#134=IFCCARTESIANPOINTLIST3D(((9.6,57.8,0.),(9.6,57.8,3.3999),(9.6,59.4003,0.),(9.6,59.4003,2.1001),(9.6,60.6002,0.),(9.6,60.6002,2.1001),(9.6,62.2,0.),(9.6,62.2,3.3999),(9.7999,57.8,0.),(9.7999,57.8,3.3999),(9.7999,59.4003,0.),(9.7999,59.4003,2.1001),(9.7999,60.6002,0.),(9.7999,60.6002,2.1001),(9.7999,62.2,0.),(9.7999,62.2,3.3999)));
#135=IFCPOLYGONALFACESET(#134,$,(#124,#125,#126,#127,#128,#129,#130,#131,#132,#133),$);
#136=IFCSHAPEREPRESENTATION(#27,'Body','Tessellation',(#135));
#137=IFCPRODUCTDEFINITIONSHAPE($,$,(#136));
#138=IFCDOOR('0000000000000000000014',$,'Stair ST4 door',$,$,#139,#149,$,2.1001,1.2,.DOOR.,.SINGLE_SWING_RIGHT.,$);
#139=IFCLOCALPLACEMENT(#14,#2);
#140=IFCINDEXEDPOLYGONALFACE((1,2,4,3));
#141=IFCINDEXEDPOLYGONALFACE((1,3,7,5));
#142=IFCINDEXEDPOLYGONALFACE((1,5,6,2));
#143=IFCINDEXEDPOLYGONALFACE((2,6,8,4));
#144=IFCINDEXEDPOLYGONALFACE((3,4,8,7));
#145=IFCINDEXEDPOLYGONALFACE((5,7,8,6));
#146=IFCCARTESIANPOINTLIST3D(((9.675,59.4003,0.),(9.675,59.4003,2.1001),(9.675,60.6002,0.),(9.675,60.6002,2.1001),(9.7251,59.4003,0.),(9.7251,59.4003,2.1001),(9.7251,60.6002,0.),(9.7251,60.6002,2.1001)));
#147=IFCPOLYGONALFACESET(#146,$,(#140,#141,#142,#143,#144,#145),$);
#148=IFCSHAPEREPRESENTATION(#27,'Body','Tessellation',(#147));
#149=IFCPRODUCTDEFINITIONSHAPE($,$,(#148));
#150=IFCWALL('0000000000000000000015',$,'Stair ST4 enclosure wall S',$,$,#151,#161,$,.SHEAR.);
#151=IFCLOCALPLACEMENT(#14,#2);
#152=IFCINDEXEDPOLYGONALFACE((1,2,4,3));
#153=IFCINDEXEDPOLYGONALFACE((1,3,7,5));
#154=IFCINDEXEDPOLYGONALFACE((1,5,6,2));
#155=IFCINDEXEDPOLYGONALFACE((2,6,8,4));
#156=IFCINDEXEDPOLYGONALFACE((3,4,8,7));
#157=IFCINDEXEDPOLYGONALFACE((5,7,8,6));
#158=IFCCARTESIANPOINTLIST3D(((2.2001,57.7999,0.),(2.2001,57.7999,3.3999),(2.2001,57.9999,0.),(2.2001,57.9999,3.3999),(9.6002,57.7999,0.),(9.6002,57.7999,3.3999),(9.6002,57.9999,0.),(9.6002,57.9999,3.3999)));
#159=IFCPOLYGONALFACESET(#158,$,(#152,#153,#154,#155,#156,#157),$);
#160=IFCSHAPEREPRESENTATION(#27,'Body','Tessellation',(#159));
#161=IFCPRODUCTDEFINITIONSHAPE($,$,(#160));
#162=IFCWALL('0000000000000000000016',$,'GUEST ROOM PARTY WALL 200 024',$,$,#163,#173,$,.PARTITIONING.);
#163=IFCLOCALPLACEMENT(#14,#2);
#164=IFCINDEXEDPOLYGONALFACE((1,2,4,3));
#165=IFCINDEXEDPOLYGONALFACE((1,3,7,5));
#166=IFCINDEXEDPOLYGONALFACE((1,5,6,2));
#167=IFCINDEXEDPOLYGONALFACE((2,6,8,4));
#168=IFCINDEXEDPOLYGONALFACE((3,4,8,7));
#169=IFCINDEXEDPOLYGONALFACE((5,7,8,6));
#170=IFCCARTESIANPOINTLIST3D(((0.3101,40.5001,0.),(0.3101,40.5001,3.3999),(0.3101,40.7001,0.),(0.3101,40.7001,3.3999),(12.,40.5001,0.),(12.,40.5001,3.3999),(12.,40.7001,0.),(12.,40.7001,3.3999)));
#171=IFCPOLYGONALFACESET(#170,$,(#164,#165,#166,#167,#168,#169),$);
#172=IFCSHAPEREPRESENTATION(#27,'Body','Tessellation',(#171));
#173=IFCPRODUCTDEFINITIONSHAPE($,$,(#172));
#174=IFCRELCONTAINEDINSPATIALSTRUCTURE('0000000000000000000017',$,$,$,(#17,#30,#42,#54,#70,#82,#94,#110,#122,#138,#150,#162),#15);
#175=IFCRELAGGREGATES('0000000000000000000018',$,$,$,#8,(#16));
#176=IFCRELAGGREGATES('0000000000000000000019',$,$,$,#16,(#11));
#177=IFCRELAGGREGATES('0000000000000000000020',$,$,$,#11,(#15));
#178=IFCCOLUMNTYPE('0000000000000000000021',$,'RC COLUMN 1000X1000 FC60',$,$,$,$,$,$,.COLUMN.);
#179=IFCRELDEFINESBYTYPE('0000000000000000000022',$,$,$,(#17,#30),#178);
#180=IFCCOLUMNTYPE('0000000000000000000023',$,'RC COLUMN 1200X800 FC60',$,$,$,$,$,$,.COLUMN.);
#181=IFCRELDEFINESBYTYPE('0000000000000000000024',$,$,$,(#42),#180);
# # #
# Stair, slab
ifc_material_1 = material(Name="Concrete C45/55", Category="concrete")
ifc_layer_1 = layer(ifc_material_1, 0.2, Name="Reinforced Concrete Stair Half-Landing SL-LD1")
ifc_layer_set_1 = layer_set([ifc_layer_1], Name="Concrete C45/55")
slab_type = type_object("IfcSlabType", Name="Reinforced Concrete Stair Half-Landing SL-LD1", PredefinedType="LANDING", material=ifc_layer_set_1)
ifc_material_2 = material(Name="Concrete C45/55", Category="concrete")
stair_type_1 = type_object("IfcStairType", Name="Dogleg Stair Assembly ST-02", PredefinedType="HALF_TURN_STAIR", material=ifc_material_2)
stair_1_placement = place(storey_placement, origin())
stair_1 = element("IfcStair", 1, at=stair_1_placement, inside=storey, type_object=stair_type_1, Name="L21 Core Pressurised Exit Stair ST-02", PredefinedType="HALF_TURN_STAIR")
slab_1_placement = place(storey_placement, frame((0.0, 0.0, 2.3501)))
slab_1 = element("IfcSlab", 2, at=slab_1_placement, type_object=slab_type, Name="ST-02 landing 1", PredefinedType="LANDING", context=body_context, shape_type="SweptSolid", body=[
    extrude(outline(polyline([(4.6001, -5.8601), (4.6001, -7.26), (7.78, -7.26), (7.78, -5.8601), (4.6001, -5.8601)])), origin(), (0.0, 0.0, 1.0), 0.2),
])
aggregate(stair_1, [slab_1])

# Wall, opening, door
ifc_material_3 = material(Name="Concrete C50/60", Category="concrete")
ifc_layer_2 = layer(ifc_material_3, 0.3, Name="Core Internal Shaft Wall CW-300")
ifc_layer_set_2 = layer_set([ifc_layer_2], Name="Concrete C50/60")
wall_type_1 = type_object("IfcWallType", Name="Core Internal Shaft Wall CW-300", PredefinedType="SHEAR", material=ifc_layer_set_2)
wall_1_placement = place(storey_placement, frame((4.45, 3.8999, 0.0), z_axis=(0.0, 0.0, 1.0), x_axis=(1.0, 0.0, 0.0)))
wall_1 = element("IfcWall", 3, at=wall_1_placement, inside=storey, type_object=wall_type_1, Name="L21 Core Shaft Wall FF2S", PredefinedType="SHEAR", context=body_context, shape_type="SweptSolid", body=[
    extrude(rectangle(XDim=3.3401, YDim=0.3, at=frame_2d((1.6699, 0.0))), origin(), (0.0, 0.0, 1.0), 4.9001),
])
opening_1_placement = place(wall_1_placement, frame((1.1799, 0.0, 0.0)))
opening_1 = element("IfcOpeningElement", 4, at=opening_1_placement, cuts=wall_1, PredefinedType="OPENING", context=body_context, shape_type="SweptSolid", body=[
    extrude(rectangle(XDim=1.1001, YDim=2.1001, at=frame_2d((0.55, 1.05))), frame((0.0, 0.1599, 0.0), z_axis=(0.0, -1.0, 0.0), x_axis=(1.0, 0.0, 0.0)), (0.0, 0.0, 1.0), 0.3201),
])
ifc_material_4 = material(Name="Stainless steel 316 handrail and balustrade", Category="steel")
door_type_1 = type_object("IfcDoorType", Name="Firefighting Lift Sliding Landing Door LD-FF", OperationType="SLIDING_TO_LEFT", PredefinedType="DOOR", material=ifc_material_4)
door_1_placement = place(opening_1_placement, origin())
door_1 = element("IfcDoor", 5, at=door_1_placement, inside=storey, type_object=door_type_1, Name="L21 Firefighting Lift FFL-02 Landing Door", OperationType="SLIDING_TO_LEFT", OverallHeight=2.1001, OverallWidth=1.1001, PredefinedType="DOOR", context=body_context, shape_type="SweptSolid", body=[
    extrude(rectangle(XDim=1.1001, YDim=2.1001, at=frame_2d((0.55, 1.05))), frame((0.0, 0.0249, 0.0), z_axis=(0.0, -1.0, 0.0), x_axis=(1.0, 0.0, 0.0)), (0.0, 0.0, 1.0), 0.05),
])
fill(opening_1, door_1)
# # #
Problem to solve
Check each line of the data above for the string "extrude", and copy the ones that have it.

The answer
    extrude(outline(polyline([(4.6001, -5.8601), (4.6001, -7.26), (7.78, -7.26), (7.78, -5.8601), (4.6001, -5.8601)])), origin(), (0.0, 0.0, 1.0), 0.2),
    extrude(rectangle(XDim=3.3401, YDim=0.3, at=frame_2d((1.6699, 0.0))), origin(), (0.0, 0.0, 1.0), 4.9001),
    extrude(rectangle(XDim=1.1001, YDim=2.1001, at=frame_2d((0.55, 1.05))), frame((0.0, 0.1599, 0.0), z_axis=(0.0, -1.0, 0.0), x_axis=(1.0, 0.0, 0.0)), (0.0, 0.0, 1.0), 0.3201),
    extrude(rectangle(XDim=1.1001, YDim=2.1001, at=frame_2d((0.55, 1.05))), frame((0.0, 0.0249, 0.0), z_axis=(0.0, -1.0, 0.0), x_axis=(1.0, 0.0, 0.0)), (0.0, 0.0, 1.0), 0.05),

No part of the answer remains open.